▸ EXERCISE DESCRIPTION:
Check the listing below for lines that hold "XDim". How many are there? Please give only the number.

▸ RECORDED DATA:
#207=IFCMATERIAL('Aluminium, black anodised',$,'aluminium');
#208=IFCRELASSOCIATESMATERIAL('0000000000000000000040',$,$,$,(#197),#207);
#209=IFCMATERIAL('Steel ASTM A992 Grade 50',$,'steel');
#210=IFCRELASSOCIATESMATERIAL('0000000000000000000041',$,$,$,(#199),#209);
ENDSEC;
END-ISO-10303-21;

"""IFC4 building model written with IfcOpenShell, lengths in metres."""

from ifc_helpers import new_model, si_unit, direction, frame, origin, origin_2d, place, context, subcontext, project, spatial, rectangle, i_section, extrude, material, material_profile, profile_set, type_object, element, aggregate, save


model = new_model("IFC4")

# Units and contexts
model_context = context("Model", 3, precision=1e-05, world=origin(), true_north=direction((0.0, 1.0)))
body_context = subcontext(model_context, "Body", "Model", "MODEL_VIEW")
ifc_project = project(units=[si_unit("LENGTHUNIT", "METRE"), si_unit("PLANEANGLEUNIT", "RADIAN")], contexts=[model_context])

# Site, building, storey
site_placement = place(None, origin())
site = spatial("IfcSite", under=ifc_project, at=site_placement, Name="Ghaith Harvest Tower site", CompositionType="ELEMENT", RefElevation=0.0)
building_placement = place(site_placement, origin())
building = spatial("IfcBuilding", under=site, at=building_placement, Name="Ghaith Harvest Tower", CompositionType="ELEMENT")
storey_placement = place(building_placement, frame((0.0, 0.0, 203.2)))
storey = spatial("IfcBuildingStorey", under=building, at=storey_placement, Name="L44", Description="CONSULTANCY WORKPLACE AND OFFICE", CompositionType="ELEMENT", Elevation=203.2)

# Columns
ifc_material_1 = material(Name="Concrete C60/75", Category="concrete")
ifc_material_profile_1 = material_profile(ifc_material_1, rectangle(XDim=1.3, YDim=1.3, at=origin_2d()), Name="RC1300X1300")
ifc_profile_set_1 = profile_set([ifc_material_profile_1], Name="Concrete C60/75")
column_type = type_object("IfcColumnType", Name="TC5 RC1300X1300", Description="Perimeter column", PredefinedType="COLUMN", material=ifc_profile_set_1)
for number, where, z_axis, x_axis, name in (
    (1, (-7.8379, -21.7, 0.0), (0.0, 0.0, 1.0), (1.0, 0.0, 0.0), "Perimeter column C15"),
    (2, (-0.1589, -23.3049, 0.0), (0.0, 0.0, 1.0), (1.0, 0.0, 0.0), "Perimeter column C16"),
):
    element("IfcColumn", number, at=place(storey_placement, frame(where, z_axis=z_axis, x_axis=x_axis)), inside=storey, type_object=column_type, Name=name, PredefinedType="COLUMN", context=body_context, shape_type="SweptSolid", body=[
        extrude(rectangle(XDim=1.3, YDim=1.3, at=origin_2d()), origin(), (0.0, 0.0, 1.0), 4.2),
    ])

▸ ANSWER TO THE EXERCISE:
2